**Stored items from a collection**

* * * * *

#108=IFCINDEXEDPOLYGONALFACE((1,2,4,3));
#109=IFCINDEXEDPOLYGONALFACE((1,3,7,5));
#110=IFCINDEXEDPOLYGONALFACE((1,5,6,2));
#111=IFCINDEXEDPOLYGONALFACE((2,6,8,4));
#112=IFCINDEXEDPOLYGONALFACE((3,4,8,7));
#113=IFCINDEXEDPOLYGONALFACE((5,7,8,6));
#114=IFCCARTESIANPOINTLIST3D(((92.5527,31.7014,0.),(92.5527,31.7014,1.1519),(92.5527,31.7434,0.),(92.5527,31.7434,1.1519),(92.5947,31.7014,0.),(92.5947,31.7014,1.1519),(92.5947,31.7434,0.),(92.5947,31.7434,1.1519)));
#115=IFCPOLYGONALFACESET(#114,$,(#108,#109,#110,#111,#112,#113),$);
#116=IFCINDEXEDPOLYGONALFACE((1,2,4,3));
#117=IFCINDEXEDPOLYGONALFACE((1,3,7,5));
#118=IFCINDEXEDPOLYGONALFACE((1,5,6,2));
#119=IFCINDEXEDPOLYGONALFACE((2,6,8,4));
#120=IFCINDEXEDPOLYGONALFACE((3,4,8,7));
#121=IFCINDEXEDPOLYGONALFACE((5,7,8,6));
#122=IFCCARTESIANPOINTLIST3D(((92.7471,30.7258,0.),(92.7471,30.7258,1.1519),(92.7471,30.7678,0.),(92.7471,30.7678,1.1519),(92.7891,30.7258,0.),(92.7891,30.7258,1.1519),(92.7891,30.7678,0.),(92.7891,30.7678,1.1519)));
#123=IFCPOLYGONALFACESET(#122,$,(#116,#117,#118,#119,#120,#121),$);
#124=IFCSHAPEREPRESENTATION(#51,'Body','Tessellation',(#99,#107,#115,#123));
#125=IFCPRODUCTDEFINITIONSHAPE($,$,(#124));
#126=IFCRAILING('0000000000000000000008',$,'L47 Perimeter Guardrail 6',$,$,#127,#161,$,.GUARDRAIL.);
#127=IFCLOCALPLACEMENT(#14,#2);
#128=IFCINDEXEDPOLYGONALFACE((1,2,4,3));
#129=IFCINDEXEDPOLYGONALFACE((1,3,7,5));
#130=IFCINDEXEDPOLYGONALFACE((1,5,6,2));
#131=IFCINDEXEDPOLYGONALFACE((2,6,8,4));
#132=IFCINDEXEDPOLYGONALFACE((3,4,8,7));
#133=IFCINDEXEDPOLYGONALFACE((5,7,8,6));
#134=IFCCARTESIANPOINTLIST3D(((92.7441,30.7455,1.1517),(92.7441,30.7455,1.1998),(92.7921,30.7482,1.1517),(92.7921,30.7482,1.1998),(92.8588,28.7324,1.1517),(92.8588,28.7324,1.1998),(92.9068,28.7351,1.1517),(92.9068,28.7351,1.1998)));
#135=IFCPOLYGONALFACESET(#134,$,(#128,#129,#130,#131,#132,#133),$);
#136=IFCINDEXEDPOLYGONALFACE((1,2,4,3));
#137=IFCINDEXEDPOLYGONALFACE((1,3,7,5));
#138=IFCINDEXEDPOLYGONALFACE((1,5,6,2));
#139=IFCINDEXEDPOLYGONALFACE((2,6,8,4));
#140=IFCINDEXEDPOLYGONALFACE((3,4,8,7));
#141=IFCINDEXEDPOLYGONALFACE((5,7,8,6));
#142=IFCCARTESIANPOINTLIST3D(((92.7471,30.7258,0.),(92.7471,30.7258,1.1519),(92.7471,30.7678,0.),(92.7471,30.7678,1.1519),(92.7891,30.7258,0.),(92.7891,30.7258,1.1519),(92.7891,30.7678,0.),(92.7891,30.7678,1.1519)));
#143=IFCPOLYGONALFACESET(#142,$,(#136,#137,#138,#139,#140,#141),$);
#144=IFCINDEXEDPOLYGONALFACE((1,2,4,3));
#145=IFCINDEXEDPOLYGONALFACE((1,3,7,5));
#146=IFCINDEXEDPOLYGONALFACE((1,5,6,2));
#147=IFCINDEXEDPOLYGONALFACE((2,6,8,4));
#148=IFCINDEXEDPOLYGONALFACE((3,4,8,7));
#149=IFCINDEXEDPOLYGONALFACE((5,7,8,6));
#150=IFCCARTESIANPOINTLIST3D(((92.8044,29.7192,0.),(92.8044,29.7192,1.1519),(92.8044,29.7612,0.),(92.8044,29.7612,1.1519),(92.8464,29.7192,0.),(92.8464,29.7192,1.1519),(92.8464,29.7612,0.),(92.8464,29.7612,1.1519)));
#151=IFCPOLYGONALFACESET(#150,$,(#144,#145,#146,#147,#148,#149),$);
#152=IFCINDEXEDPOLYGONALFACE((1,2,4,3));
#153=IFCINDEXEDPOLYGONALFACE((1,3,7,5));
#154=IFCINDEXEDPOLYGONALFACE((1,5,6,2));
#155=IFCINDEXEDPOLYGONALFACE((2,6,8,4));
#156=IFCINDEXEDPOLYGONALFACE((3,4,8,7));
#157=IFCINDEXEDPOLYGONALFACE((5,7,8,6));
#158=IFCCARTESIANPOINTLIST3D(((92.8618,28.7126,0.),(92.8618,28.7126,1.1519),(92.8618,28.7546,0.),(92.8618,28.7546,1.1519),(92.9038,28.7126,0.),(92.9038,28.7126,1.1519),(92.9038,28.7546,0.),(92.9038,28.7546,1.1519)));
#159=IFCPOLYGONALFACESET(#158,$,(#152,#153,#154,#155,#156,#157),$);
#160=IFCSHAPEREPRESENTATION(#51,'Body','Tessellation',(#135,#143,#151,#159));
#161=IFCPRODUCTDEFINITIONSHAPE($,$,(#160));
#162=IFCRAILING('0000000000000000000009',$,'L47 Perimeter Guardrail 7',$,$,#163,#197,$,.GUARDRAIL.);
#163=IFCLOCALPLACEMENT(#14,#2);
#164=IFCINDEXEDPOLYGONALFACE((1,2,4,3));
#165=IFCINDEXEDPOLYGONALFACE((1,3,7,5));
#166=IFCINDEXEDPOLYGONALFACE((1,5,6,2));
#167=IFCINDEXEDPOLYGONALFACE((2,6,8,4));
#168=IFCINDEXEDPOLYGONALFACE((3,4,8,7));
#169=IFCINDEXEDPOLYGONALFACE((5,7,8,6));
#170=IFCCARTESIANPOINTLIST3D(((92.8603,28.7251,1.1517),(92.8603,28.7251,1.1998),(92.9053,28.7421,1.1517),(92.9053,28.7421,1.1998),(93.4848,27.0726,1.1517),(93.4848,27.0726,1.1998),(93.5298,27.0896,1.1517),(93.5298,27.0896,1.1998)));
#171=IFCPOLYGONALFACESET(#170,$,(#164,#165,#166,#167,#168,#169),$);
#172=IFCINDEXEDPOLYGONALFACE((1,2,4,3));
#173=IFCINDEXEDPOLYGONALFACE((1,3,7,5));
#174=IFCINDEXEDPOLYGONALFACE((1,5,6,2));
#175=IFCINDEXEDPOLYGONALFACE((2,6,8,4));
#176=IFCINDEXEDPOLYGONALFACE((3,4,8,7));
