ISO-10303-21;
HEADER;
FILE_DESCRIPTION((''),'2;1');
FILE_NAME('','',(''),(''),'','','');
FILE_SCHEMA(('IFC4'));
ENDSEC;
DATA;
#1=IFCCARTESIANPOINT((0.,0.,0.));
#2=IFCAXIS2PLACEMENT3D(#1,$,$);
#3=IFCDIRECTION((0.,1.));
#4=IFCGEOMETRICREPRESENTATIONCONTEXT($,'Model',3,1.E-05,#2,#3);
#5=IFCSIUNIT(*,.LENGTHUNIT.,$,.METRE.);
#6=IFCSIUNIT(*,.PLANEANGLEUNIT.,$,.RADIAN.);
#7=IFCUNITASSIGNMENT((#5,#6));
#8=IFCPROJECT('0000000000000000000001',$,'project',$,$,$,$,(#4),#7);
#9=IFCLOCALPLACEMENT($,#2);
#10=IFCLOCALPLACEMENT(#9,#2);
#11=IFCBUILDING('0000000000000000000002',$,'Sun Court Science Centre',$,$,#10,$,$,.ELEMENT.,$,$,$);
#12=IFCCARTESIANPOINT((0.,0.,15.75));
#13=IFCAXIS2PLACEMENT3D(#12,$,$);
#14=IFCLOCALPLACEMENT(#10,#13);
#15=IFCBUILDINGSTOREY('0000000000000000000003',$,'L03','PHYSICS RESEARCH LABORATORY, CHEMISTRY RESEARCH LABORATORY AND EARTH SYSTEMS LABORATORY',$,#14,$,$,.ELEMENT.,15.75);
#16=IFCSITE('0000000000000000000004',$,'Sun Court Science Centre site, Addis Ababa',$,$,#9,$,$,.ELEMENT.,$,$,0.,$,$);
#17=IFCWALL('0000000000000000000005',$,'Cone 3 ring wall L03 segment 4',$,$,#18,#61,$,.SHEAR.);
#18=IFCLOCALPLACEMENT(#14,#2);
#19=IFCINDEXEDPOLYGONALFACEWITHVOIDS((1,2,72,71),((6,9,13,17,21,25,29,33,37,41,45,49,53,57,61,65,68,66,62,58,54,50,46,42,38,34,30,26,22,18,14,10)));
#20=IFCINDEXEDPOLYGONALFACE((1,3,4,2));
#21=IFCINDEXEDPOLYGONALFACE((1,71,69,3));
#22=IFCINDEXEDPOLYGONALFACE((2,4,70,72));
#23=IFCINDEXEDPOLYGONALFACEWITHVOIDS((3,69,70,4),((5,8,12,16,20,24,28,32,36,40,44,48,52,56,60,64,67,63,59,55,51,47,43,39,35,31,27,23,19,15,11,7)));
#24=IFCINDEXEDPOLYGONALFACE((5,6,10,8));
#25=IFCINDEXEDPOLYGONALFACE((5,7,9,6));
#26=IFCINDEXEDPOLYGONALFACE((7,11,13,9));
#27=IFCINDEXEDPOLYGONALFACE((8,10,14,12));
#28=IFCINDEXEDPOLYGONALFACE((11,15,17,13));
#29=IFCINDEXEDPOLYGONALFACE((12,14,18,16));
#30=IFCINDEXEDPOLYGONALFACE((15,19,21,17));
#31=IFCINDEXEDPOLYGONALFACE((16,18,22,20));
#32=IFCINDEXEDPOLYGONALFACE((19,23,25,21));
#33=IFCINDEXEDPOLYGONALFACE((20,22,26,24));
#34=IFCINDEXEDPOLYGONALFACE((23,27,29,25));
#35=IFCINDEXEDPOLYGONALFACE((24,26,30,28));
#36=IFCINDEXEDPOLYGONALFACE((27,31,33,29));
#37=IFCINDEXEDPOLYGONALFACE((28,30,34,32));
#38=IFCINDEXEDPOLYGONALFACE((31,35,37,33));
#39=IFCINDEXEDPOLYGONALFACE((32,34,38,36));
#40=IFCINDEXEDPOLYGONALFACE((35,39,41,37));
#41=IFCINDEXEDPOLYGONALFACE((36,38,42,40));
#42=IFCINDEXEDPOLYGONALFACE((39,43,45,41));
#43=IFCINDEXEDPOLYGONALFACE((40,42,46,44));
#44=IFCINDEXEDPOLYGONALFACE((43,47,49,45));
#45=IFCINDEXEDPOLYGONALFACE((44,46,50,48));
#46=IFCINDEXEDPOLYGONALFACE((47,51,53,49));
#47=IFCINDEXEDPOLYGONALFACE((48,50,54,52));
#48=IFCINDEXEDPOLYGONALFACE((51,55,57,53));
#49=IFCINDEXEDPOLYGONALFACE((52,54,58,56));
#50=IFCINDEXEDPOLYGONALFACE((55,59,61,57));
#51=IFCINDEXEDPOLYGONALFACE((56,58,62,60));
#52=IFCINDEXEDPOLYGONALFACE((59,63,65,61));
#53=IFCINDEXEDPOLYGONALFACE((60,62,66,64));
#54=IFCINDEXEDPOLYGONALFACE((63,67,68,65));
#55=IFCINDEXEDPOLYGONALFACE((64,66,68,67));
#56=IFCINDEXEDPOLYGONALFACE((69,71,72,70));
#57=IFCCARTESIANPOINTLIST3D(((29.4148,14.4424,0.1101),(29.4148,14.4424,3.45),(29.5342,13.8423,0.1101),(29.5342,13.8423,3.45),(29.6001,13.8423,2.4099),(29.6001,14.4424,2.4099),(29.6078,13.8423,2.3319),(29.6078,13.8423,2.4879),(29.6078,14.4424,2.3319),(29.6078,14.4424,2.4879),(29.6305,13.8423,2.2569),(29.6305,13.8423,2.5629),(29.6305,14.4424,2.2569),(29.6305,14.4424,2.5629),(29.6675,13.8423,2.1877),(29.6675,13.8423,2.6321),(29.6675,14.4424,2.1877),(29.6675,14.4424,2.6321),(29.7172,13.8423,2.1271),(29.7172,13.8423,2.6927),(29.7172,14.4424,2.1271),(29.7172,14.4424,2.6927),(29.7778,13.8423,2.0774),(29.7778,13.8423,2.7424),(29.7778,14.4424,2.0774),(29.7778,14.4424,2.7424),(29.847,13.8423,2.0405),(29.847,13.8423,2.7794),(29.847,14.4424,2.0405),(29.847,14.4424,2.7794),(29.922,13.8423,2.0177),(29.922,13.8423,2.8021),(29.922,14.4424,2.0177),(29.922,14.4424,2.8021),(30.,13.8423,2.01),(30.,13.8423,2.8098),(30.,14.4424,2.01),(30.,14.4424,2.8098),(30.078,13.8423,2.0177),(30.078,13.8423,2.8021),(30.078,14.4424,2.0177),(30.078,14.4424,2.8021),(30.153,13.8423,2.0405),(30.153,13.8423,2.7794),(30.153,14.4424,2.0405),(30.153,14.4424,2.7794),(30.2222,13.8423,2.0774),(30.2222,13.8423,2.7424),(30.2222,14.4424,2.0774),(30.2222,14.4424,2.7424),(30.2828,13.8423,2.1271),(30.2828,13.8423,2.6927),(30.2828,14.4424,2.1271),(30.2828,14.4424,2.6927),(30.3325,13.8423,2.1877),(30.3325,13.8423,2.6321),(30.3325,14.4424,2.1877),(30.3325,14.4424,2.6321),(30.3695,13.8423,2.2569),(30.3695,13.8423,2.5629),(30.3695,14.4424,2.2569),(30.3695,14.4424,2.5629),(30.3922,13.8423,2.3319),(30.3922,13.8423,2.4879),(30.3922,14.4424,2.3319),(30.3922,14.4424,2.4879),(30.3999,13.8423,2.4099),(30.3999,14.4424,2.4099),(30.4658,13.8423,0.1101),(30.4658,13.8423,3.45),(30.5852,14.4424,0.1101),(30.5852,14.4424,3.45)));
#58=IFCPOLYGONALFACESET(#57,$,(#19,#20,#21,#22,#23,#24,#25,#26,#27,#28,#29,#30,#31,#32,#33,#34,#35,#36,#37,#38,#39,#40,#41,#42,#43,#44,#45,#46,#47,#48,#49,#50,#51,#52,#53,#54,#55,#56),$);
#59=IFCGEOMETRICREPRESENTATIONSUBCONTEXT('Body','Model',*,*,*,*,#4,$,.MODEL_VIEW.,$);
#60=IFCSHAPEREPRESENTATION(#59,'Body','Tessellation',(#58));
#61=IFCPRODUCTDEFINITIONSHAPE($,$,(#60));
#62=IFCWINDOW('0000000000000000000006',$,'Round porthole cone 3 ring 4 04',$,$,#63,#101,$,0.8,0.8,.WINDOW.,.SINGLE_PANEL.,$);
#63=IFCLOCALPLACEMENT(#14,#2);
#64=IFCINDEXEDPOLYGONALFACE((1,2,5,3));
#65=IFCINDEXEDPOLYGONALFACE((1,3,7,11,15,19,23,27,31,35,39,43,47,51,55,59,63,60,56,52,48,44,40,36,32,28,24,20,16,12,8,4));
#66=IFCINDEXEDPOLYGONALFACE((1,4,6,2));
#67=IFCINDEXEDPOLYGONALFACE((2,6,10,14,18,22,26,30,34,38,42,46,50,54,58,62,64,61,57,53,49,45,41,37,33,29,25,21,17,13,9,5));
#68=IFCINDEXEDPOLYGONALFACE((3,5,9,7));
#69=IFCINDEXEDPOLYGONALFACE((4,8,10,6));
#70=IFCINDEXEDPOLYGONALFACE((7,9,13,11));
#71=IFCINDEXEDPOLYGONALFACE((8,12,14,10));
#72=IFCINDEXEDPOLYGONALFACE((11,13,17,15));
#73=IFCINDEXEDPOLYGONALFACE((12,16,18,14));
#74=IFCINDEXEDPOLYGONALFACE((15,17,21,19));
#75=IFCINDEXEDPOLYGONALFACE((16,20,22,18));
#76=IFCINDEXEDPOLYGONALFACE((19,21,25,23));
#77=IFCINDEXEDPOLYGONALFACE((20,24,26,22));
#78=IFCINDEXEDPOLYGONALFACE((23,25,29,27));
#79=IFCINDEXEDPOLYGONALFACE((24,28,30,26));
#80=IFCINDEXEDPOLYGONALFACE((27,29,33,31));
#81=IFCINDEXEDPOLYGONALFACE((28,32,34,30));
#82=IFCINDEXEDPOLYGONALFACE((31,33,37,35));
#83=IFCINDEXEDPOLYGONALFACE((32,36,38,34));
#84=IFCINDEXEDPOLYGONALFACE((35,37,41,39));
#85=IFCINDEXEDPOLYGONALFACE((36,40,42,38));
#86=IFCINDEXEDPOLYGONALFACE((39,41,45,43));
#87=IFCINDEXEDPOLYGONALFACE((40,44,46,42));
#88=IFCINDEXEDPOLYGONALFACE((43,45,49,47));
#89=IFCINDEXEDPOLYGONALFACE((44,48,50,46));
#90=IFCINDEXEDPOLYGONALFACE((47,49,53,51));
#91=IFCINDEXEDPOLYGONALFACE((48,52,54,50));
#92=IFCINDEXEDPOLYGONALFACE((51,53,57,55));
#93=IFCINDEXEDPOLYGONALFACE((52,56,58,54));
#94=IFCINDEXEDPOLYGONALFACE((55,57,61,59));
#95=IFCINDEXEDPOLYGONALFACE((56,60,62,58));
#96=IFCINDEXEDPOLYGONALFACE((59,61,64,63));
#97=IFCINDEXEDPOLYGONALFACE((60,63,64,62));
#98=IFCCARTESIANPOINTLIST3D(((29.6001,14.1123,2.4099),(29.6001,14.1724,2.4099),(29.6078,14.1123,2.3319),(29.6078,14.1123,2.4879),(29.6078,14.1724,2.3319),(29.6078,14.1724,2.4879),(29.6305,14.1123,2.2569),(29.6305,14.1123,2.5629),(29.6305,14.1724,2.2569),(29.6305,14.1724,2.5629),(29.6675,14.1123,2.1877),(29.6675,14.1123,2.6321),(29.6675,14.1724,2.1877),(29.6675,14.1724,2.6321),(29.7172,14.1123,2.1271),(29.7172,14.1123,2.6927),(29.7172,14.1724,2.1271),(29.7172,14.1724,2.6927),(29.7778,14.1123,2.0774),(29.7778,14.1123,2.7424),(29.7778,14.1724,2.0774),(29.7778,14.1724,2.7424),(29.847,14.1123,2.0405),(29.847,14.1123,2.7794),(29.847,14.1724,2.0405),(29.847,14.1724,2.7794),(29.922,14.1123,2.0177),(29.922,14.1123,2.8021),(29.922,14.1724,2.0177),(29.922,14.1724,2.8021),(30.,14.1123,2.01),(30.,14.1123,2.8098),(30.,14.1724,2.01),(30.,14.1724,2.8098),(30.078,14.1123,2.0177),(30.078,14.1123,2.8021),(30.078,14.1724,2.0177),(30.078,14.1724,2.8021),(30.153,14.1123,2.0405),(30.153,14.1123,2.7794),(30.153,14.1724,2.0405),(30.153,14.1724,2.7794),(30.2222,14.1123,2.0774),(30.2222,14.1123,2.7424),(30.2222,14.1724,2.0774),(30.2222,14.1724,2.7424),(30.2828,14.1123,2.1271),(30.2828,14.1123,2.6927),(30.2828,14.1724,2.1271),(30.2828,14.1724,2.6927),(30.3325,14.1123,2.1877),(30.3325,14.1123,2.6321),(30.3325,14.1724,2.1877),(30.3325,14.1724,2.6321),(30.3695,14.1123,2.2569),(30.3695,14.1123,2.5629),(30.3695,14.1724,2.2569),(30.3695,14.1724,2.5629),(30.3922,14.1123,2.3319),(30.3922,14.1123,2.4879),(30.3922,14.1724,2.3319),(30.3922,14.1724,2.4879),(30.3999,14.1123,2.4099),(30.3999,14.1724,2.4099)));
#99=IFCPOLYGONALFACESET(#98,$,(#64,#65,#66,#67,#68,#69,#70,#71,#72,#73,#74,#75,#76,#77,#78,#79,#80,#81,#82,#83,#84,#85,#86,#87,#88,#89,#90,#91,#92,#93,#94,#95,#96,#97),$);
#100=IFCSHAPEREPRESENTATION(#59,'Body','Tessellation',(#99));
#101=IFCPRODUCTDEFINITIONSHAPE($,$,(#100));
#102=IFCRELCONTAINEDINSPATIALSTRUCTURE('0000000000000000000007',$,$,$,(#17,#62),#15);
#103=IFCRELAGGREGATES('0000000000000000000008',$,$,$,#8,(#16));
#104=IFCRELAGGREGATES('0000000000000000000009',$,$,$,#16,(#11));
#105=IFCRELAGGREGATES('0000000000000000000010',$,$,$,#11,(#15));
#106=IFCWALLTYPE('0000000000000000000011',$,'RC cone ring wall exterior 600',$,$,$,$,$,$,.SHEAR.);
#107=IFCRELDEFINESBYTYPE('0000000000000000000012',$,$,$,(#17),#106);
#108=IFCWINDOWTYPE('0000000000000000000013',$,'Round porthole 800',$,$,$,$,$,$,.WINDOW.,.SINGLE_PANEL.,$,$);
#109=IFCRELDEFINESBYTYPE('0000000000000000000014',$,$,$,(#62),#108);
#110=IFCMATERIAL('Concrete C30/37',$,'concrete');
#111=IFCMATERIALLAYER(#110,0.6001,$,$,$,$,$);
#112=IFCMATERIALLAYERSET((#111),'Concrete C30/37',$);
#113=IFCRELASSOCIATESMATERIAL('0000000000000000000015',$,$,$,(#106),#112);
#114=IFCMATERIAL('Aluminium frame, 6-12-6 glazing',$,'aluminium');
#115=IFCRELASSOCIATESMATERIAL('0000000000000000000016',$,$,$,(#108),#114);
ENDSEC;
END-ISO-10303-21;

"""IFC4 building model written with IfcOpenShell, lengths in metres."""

from ifc_helpers import new_model, si_unit, direction, frame, frame_2d, origin, place, context, subcontext, project, spatial, polyline, circle, outline, extrude, material, layer, layer_set, type_object, element, fill, save


model = new_model("IFC4")

# Units and contexts
model_context = context("Model", 3, precision=1e-05, world=origin(), true_north=direction((0.0, 1.0)))
body_context = subcontext(model_context, "Body", "Model", "MODEL_VIEW")
ifc_project = project(units=[si_unit("LENGTHUNIT", "METRE"), si_unit("PLANEANGLEUNIT", "RADIAN")], contexts=[model_context])

# Site, building, storey
site_placement = place(None, origin())
site = spatial("IfcSite", under=ifc_project, at=site_placement, Name="Sun Court Science Centre site, Addis Ababa", CompositionType="ELEMENT", RefElevation=0.0)
building_placement = place(site_placement, origin())
building = spatial("IfcBuilding", under=site, at=building_placement, Name="Sun Court Science Centre", CompositionType="ELEMENT")
storey_placement = place(building_placement, frame((0.0, 0.0, 15.75)))
storey = spatial("IfcBuildingStorey", under=building, at=storey_placement, Name="L03", Description="PHYSICS RESEARCH LABORATORY, CHEMISTRY RESEARCH LABORATORY AND EARTH SYSTEMS LABORATORY", CompositionType="ELEMENT", Elevation=15.75)

# Wall, opening, window
ifc_material_1 = material(Name="Concrete C30/37", Category="concrete")
ifc_layer_1 = layer(ifc_material_1, 0.6001)
ifc_layer_set_1 = layer_set([ifc_layer_1], Name="Concrete C30/37")
wall_type_1 = type_object("IfcWallType", Name="RC cone ring wall exterior 600", PredefinedType="SHEAR", material=ifc_layer_set_1)
wall_1_placement = place(storey_placement, frame((30.5852, 14.1423, 0.1101), z_axis=(0.0, 0.0, 1.0), x_axis=(-1.0, 0.0, 0.0)))
wall_1 = element("IfcWall", 1, at=wall_1_placement, inside=storey, type_object=wall_type_1, Name="Cone 3 ring wall L03 segment 4", PredefinedType="SHEAR", context=body_context, shape_type="SweptSolid", body=[
    extrude(outline(polyline([(0.0, -0.3), (1.1704, -0.3), (1.051, 0.3), (0.1194, 0.3), (0.0, -0.3)])), origin(), (0.0, 0.0, 1.0), 3.3398),
])
opening_1_placement = place(wall_1_placement, frame((0.1853, 0.0, 1.8999)))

* * * * *

**Exercise instructions**
Filter the preceding entries down to the lines with "IFCPOLYGONALFACESET".

**Result of this task**
#115=IFCPOLYGONALFACESET(#114,$,(#108,#109,#110,#111,#112,#113),$);
#123=IFCPOLYGONALFACESET(#122,$,(#116,#117,#118,#119,#120,#121),$);
#135=IFCPOLYGONALFACESET(#134,$,(#128,#129,#130,#131,#132,#133),$);
#143=IFCPOLYGONALFACESET(#142,$,(#136,#137,#138,#139,#140,#141),$);
#151=IFCPOLYGONALFACESET(#150,$,(#144,#145,#146,#147,#148,#149),$);
#159=IFCPOLYGONALFACESET(#158,$,(#152,#153,#154,#155,#156,#157),$);
#171=IFCPOLYGONALFACESET(#170,$,(#164,#165,#166,#167,#168,#169),$);
#58=IFCPOLYGONALFACESET(#57,$,(#19,#20,#21,#22,#23,#24,#25,#26,#27,#28,#29,#30,#31,#32,#33,#34,#35,#36,#37,#38,#39,#40,#41,#42,#43,#44,#45,#46,#47,#48,#49,#50,#51,#52,#53,#54,#55,#56),$);
#99=IFCPOLYGONALFACESET(#98,$,(#64,#65,#66,#67,#68,#69,#70,#71,#72,#73,#74,#75,#76,#77,#78,#79,#80,#81,#82,#83,#84,#85,#86,#87,#88,#89,#90,#91,#92,#93,#94,#95,#96,#97),$);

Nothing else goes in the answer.